_Your instructions_:
Give back the full data, unchanged and complete.

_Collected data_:
========================================================================

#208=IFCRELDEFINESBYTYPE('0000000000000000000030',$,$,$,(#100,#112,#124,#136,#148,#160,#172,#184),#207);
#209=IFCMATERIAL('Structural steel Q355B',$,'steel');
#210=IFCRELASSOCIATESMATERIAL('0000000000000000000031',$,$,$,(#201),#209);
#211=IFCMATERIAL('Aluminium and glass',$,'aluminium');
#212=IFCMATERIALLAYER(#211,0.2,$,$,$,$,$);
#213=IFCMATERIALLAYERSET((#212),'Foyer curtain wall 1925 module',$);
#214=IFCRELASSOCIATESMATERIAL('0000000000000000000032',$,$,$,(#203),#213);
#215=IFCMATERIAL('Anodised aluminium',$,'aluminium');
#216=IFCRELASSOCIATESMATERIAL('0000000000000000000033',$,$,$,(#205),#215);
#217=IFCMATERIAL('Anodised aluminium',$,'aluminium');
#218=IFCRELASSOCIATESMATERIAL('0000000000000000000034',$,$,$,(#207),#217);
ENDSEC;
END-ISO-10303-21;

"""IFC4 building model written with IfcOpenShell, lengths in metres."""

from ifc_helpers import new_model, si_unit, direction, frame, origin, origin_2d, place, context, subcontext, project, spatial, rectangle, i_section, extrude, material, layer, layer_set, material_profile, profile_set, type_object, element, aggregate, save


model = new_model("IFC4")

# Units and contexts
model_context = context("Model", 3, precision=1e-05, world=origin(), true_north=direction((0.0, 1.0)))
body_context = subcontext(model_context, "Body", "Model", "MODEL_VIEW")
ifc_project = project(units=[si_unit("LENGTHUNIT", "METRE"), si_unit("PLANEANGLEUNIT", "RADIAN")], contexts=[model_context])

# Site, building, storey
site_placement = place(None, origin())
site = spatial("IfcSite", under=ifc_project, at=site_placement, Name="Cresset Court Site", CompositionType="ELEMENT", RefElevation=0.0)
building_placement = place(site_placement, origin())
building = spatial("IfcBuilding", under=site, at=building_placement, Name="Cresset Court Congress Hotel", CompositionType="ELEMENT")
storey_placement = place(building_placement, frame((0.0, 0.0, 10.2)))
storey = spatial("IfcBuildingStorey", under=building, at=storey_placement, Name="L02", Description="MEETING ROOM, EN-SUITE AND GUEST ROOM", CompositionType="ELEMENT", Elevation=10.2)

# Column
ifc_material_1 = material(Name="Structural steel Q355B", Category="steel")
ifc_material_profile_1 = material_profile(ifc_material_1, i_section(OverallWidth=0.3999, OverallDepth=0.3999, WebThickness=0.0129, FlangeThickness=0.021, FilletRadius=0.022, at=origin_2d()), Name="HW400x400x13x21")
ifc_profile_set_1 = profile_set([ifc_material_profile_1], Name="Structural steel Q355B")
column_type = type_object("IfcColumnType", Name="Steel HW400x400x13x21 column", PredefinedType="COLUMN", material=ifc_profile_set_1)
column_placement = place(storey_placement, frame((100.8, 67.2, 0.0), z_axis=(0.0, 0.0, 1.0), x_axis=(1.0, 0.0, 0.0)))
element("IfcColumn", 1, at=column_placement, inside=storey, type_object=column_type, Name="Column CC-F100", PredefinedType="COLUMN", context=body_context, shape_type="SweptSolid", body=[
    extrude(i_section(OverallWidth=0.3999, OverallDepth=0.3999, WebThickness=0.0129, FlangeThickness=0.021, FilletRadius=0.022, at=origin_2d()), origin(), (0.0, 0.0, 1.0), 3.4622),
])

========================================================================

_Worked solution_:
#208=IFCRELDEFINESBYTYPE('0000000000000000000030',$,$,$,(#100,#112,#124,#136,#148,#160,#172,#184),#207);
#209=IFCMATERIAL('Structural steel Q355B',$,'steel');
#210=IFCRELASSOCIATESMATERIAL('0000000000000000000031',$,$,$,(#201),#209);
#211=IFCMATERIAL('Aluminium and glass',$,'aluminium');
#212=IFCMATERIALLAYER(#211,0.2,$,$,$,$,$);
#213=IFCMATERIALLAYERSET((#212),'Foyer curtain wall 1925 module',$);
#214=IFCRELASSOCIATESMATERIAL('0000000000000000000032',$,$,$,(#203),#213);
#215=IFCMATERIAL('Anodised aluminium',$,'aluminium');
#216=IFCRELASSOCIATESMATERIAL('0000000000000000000033',$,$,$,(#205),#215);
#217=IFCMATERIAL('Anodised aluminium',$,'aluminium');
#218=IFCRELASSOCIATESMATERIAL('0000000000000000000034',$,$,$,(#207),#217);
ENDSEC;
END-ISO-10303-21;

"""IFC4 building model written with IfcOpenShell, lengths in metres."""

from ifc_helpers import new_model, si_unit, direction, frame, origin, origin_2d, place, context, subcontext, project, spatial, rectangle, i_section, extrude, material, layer, layer_set, material_profile, profile_set, type_object, element, aggregate, save


model = new_model("IFC4")

# Units and contexts
model_context = context("Model", 3, precision=1e-05, world=origin(), true_north=direction((0.0, 1.0)))
body_context = subcontext(model_context, "Body", "Model", "MODEL_VIEW")
ifc_project = project(units=[si_unit("LENGTHUNIT", "METRE"), si_unit("PLANEANGLEUNIT", "RADIAN")], contexts=[model_context])

# Site, building, storey
site_placement = place(None, origin())
site = spatial("IfcSite", under=ifc_project, at=site_placement, Name="Cresset Court Site", CompositionType="ELEMENT", RefElevation=0.0)
building_placement = place(site_placement, origin())
building = spatial("IfcBuilding", under=site, at=building_placement, Name="Cresset Court Congress Hotel", CompositionType="ELEMENT")
storey_placement = place(building_placement, frame((0.0, 0.0, 10.2)))
storey = spatial("IfcBuildingStorey", under=building, at=storey_placement, Name="L02", Description="MEETING ROOM, EN-SUITE AND GUEST ROOM", CompositionType="ELEMENT", Elevation=10.2)

# Column
ifc_material_1 = material(Name="Structural steel Q355B", Category="steel")
ifc_material_profile_1 = material_profile(ifc_material_1, i_section(OverallWidth=0.3999, OverallDepth=0.3999, WebThickness=0.0129, FlangeThickness=0.021, FilletRadius=0.022, at=origin_2d()), Name="HW400x400x13x21")
ifc_profile_set_1 = profile_set([ifc_material_profile_1], Name="Structural steel Q355B")
column_type = type_object("IfcColumnType", Name="Steel HW400x400x13x21 column", PredefinedType="COLUMN", material=ifc_profile_set_1)
column_placement = place(storey_placement, frame((100.8, 67.2, 0.0), z_axis=(0.0, 0.0, 1.0), x_axis=(1.0, 0.0, 0.0)))
element("IfcColumn", 1, at=column_placement, inside=storey, type_object=column_type, Name="Column CC-F100", PredefinedType="COLUMN", context=body_context, shape_type="SweptSolid", body=[
    extrude(i_section(OverallWidth=0.3999, OverallDepth=0.3999, WebThickness=0.0129, FlangeThickness=0.021, FilletRadius=0.022, at=origin_2d()), origin(), (0.0, 0.0, 1.0), 3.4622),
])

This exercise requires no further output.